**PROVIDED ENTRIES**
-*-
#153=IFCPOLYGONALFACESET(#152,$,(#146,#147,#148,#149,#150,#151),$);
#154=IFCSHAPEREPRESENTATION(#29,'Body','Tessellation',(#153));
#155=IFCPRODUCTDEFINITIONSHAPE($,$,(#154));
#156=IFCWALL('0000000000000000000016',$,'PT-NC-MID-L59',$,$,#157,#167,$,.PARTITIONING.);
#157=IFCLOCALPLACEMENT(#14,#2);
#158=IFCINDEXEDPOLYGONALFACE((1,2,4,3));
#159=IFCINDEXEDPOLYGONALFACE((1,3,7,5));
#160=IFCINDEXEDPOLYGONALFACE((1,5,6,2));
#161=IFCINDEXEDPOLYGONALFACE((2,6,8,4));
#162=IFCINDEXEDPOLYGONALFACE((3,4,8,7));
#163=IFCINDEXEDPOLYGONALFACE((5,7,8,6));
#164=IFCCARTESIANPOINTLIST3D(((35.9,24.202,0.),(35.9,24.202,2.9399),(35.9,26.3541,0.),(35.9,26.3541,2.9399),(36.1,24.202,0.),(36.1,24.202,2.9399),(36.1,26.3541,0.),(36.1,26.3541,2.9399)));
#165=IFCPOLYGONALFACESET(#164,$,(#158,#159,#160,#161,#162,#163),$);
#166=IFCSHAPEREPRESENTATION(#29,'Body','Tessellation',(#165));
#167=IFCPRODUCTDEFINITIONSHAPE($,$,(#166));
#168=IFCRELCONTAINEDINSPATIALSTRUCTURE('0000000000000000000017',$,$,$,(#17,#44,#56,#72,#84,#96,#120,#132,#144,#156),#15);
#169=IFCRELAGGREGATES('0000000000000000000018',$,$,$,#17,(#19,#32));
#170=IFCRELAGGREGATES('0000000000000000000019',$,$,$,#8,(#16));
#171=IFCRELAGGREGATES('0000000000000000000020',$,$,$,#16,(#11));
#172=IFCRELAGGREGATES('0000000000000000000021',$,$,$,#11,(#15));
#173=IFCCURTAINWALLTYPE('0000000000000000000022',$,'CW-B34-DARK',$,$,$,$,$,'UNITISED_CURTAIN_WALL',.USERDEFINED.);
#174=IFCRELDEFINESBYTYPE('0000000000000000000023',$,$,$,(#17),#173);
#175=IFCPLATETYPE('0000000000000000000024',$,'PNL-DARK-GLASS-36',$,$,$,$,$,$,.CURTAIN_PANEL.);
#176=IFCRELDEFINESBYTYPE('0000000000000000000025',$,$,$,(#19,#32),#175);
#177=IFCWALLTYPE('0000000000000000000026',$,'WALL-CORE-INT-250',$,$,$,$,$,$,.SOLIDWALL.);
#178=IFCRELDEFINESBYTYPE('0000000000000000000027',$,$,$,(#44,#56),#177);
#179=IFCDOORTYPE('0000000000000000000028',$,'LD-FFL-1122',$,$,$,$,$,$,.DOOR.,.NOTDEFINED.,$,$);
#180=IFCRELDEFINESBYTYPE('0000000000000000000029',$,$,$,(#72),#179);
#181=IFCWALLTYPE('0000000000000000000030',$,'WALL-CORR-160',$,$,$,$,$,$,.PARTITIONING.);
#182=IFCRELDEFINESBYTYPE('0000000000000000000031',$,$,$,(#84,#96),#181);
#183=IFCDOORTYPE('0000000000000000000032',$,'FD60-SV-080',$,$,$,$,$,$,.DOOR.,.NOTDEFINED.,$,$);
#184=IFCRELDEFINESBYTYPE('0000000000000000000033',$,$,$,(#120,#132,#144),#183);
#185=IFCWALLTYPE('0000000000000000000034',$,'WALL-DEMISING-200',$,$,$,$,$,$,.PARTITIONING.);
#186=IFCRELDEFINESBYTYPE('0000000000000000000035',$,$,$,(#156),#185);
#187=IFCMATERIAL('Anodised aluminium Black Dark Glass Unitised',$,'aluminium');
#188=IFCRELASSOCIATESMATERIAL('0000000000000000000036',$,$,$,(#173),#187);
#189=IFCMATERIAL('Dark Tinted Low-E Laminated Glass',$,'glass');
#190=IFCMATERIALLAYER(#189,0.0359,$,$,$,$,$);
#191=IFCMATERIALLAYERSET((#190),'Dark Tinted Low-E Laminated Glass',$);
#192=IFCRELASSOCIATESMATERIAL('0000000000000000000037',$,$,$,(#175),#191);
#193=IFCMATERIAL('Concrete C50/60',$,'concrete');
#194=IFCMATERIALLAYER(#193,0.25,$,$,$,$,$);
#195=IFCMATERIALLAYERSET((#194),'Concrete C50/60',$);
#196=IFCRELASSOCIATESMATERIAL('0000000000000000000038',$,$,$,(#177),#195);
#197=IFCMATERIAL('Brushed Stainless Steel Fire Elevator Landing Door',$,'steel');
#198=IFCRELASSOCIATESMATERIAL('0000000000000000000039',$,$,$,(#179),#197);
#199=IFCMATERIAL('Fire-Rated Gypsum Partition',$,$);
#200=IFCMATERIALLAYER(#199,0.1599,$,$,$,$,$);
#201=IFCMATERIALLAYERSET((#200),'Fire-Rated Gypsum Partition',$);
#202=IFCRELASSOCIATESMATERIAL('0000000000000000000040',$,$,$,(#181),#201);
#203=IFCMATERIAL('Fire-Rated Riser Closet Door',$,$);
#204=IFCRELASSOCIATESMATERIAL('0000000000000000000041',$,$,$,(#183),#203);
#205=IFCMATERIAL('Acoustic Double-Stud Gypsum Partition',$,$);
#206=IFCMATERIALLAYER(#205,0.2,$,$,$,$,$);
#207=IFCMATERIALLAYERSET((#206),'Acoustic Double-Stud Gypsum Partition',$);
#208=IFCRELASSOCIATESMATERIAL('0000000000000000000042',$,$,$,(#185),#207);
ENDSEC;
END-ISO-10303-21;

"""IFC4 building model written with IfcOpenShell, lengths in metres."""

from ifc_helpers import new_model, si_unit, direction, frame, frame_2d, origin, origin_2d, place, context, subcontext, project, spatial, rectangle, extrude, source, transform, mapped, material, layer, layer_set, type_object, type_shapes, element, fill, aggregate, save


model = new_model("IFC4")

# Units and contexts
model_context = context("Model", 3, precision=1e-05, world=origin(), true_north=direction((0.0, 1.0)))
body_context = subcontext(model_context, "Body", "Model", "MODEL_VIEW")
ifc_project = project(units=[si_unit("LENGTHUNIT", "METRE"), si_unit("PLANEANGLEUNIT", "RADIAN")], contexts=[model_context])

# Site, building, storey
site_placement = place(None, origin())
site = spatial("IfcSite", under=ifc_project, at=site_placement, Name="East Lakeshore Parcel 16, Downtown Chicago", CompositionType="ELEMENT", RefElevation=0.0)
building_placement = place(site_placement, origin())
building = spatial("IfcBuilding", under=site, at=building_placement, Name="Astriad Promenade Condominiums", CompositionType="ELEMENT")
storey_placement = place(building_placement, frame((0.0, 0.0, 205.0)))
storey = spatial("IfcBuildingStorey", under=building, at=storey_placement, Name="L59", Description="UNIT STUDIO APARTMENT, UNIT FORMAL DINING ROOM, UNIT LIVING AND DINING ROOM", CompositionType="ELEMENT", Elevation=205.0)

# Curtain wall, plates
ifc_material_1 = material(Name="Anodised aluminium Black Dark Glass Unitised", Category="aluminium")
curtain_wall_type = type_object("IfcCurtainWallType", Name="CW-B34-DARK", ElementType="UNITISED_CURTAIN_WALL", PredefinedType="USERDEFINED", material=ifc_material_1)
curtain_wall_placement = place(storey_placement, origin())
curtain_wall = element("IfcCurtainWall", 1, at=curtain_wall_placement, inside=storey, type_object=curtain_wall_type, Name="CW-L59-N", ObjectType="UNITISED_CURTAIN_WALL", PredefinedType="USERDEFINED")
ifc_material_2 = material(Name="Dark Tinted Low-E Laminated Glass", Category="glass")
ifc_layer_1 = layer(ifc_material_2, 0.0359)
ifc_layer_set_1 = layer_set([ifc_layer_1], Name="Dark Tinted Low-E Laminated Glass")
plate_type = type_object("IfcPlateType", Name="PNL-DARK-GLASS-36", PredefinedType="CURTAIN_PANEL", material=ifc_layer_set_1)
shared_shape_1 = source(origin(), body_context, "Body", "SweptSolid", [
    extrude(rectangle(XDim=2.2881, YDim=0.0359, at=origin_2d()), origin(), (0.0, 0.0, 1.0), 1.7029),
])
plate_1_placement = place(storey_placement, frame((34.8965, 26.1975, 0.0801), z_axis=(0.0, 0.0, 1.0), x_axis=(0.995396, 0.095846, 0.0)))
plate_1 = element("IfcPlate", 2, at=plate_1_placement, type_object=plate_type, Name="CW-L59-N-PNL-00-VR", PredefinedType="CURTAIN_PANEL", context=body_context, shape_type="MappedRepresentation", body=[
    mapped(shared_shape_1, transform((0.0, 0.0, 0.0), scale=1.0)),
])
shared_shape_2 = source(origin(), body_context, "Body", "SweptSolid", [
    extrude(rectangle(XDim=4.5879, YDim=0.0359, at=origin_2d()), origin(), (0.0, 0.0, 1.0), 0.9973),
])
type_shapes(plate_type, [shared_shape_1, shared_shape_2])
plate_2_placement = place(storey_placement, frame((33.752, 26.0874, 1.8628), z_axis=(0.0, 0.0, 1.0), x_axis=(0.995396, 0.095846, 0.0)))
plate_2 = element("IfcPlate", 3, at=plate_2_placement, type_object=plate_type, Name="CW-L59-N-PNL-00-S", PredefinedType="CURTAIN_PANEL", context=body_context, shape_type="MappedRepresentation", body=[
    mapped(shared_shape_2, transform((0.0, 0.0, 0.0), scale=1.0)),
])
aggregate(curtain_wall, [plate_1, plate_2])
-*-
**TASK ITEM**
Lines holding the word "Category" are the answer; copy each one from the records above.

**ANSWER FOR THE TASK**
ifc_material_1 = material(Name="Anodised aluminium Black Dark Glass Unitised", Category="aluminium")
ifc_material_2 = material(Name="Dark Tinted Low-E Laminated Glass", Category="glass")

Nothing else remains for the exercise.